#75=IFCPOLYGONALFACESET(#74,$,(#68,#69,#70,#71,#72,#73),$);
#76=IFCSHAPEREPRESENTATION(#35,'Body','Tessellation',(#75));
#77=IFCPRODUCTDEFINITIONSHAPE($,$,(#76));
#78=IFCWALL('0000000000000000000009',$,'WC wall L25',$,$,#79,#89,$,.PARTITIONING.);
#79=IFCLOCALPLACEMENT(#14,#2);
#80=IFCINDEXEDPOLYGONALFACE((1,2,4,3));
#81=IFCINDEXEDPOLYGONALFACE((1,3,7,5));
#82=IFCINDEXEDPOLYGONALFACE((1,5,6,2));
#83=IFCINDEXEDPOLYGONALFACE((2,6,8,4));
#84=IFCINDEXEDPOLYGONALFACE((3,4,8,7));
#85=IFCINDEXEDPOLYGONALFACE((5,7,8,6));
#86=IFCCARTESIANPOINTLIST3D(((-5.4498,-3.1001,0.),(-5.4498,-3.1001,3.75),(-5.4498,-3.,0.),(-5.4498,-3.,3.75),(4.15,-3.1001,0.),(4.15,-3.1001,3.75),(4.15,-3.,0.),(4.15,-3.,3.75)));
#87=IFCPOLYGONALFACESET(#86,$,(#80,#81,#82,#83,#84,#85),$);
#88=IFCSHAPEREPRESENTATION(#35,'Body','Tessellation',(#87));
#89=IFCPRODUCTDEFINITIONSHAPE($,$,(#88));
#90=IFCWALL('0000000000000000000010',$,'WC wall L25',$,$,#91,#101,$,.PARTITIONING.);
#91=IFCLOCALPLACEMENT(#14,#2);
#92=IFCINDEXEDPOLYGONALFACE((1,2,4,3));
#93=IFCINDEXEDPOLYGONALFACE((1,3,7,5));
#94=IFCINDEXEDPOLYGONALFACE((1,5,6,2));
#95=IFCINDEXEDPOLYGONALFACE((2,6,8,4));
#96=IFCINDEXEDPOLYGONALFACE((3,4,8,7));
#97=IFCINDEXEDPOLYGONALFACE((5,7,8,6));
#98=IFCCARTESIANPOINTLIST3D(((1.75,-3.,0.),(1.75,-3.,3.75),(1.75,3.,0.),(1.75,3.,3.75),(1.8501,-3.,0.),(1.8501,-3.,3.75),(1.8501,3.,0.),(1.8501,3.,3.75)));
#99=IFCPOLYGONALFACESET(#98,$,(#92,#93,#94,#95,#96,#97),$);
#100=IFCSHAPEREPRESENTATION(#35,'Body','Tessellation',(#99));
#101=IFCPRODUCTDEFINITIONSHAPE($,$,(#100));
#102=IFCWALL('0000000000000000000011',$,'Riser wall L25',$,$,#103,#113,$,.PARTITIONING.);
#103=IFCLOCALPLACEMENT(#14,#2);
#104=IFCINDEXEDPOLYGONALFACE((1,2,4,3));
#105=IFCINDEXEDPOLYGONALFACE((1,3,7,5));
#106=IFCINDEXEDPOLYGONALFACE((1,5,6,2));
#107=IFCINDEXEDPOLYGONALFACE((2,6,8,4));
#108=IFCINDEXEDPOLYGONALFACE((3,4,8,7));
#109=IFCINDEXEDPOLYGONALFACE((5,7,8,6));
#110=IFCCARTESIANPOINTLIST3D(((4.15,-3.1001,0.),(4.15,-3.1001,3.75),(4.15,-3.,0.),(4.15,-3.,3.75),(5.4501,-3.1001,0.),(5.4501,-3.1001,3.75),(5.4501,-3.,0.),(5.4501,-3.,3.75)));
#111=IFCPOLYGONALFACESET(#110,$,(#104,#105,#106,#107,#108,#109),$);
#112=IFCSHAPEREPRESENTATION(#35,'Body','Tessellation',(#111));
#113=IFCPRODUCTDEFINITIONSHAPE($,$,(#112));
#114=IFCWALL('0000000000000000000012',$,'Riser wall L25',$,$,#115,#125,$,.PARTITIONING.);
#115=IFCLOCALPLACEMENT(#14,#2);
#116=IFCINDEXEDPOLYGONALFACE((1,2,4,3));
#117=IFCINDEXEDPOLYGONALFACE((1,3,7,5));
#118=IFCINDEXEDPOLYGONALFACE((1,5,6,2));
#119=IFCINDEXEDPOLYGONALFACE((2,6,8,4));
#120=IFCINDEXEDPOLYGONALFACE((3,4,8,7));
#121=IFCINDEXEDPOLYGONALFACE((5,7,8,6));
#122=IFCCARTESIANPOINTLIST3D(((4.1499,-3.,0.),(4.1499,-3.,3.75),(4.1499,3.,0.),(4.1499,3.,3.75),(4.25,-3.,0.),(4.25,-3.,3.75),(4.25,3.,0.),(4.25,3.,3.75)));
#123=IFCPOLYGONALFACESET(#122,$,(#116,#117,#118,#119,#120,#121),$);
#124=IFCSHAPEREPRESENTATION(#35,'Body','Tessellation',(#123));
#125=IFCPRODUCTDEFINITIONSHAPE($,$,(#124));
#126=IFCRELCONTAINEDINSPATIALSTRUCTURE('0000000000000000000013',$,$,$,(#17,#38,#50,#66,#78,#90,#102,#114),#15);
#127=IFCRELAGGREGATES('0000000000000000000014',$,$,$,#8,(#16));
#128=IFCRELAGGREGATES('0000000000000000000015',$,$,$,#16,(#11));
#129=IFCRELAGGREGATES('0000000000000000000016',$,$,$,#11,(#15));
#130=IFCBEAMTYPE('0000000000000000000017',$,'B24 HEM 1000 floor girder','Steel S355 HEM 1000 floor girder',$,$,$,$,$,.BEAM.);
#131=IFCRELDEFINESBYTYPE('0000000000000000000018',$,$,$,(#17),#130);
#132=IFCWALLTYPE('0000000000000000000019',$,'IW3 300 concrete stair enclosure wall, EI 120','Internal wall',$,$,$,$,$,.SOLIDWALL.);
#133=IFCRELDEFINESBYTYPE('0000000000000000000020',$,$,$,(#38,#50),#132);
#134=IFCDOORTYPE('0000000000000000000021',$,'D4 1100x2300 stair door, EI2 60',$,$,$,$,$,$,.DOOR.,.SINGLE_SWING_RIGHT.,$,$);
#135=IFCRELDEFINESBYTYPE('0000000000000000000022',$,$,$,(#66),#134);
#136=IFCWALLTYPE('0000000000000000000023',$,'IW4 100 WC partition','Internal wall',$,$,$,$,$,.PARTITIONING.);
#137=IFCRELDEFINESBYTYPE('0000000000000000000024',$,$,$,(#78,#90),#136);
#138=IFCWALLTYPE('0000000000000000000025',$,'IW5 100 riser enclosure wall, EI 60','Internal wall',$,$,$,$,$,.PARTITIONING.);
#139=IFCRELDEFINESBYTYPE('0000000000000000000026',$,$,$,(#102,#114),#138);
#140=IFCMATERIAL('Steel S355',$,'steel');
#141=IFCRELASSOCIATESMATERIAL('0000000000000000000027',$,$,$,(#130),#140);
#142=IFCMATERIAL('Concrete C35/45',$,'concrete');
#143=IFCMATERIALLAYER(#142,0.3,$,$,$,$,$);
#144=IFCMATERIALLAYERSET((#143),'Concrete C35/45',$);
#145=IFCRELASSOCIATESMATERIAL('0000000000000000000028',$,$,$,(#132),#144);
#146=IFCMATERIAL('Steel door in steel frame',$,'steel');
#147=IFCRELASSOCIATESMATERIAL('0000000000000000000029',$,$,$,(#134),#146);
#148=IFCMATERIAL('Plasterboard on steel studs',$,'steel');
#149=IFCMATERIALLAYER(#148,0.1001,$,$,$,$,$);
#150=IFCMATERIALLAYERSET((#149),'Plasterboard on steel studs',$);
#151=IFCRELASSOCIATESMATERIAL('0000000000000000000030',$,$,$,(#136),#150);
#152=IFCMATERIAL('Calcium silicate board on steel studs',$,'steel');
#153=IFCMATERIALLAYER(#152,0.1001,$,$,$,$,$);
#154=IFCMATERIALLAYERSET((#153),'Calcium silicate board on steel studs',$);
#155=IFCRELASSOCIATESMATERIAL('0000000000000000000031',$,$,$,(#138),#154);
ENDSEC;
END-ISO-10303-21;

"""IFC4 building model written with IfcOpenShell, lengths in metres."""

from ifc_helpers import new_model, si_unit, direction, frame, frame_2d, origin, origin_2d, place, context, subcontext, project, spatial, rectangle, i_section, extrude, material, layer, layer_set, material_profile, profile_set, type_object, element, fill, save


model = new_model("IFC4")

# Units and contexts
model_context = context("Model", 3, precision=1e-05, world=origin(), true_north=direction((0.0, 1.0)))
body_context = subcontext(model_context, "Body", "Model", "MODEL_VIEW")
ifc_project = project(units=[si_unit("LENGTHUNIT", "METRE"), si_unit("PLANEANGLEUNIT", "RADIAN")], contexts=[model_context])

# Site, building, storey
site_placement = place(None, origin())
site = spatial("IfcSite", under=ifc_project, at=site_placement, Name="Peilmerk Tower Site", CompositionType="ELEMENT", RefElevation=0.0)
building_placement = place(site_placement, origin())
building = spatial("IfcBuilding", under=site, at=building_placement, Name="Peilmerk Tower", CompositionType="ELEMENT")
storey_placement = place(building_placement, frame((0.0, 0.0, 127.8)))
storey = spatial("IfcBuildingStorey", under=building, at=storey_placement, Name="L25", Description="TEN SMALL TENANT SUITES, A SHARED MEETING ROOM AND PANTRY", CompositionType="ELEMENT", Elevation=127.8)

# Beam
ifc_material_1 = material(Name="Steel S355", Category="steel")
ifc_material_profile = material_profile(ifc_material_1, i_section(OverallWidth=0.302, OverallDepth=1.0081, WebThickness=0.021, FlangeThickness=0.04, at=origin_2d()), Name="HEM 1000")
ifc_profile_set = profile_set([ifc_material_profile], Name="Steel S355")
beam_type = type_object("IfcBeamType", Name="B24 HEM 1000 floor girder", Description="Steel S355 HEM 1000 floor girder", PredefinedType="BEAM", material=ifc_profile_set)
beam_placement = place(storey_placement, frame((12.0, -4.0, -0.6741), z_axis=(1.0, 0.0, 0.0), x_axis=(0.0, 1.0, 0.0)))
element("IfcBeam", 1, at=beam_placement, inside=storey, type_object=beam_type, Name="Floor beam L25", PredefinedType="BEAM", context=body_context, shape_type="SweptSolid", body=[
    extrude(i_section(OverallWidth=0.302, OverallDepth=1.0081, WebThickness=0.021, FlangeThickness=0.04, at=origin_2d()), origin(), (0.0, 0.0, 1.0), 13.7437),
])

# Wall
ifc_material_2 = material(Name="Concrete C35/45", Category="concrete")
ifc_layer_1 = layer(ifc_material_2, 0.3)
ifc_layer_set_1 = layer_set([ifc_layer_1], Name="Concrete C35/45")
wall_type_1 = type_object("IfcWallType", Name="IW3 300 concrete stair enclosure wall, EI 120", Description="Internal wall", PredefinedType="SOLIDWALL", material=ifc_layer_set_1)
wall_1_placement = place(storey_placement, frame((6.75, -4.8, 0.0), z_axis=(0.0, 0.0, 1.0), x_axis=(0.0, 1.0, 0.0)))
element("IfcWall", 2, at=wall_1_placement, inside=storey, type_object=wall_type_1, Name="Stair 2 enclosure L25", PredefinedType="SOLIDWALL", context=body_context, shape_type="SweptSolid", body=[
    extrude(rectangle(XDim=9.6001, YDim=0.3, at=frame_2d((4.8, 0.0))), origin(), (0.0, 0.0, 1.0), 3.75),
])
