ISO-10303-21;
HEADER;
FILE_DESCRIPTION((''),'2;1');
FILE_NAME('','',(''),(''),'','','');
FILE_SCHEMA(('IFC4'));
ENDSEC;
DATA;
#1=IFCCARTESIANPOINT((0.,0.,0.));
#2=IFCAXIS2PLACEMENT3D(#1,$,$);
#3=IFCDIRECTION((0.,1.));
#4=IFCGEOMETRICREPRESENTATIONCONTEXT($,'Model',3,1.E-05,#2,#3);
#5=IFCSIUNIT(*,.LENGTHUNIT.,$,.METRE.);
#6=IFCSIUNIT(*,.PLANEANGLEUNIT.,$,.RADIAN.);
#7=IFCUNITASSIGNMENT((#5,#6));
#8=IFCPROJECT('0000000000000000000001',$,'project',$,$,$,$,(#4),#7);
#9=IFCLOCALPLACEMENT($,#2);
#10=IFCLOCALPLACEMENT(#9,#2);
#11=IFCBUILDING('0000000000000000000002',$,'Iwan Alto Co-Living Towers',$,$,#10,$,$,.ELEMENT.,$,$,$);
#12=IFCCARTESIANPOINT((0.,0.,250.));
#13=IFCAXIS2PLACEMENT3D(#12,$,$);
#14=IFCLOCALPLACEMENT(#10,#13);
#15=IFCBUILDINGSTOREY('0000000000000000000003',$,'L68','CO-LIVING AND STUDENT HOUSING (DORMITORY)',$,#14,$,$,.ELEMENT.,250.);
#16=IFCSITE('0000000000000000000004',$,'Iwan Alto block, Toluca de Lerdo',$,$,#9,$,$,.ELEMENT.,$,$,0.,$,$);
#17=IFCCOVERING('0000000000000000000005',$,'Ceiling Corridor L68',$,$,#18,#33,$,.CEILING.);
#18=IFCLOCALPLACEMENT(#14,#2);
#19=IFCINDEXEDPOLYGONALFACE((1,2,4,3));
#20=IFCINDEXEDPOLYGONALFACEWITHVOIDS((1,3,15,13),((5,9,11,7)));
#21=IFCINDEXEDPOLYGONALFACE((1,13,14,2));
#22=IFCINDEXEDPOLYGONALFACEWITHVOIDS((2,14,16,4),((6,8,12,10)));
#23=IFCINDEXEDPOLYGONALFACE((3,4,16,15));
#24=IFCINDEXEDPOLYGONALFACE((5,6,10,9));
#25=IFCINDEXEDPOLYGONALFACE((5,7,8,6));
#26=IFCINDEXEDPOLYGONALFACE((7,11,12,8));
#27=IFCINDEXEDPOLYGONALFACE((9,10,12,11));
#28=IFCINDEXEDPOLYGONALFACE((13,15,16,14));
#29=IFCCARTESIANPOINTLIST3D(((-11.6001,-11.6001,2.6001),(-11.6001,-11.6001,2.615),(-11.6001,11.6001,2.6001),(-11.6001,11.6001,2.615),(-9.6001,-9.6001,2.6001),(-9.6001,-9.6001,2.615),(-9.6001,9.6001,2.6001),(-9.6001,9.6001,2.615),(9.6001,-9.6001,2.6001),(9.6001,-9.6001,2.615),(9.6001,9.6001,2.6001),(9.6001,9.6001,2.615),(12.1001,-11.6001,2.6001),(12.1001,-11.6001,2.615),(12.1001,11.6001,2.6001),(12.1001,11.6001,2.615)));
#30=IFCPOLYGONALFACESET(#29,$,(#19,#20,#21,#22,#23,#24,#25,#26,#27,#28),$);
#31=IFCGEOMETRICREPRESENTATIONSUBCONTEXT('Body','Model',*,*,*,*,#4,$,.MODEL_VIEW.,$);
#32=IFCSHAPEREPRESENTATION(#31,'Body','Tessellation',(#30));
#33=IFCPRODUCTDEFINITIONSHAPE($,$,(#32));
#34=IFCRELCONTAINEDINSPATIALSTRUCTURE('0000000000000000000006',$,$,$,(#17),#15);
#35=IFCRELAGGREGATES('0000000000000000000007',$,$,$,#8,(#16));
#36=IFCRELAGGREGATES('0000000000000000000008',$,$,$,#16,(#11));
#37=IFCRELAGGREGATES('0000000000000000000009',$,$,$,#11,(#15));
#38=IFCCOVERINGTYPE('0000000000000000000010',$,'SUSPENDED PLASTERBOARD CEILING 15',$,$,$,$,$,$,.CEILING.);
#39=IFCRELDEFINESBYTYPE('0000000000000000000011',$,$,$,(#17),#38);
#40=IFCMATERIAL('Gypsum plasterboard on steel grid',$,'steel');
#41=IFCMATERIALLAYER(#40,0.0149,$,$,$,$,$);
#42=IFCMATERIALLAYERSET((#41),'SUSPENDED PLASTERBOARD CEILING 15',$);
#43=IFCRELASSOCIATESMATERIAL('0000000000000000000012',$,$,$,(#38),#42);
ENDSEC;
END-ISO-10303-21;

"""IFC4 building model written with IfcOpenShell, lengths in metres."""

from ifc_helpers import new_model, si_unit, direction, frame, origin, place, context, subcontext, project, spatial, polyline, outline, extrude, material, layer, layer_set, type_object, element, save


model = new_model("IFC4")

# Units and contexts
model_context = context("Model", 3, precision=1e-05, world=origin(), true_north=direction((0.0, 1.0)))
body_context = subcontext(model_context, "Body", "Model", "MODEL_VIEW")
ifc_project = project(units=[si_unit("LENGTHUNIT", "METRE"), si_unit("PLANEANGLEUNIT", "RADIAN")], contexts=[model_context])

# Site, building, storey
site_placement = place(None, origin())
site = spatial("IfcSite", under=ifc_project, at=site_placement, Name="Iwan Alto block, Toluca de Lerdo", CompositionType="ELEMENT", RefElevation=0.0)
building_placement = place(site_placement, origin())
building = spatial("IfcBuilding", under=site, at=building_placement, Name="Iwan Alto Co-Living Towers", CompositionType="ELEMENT")
storey_placement = place(building_placement, frame((0.0, 0.0, 250.0)))
storey = spatial("IfcBuildingStorey", under=building, at=storey_placement, Name="L68", Description="CO-LIVING AND STUDENT HOUSING (DORMITORY)", CompositionType="ELEMENT", Elevation=250.0)

# Covering
ifc_material_1 = material(Name="Gypsum plasterboard on steel grid", Category="steel")
ifc_layer_1 = layer(ifc_material_1, 0.0149)
ifc_layer_set_1 = layer_set([ifc_layer_1], Name="SUSPENDED PLASTERBOARD CEILING 15")
covering_type_1 = type_object("IfcCoveringType", Name="SUSPENDED PLASTERBOARD CEILING 15", PredefinedType="CEILING", material=ifc_layer_set_1)
covering_1_placement = place(storey_placement, frame((0.0, 0.0, 2.6001)))
element("IfcCovering", 1, at=covering_1_placement, inside=storey, type_object=covering_type_1, Name="Ceiling Corridor L68", PredefinedType="CEILING", context=body_context, shape_type="SweptSolid", body=[
    extrude(outline(polyline([(-11.6001, 11.6001), (12.1001, 11.6001), (12.1001, -11.6001), (-11.6001, -11.6001), (-11.6001, 11.6001)]), holes=[polyline([(-9.6001, 9.6001), (-9.6001, -9.6001), (9.6001, -9.6001), (9.6001, 9.6001), (-9.6001, 9.6001)])]), origin(), (0.0, 0.0, 1.0), 0.0149),
])

save(model, "model.ifc")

□ □ □ □ □ □ □

## TASK INSTRUCTIONS
Go through the entries above and count the lines containing the word "OverallWidth"; give only that count.

## TASK RESPONSE
2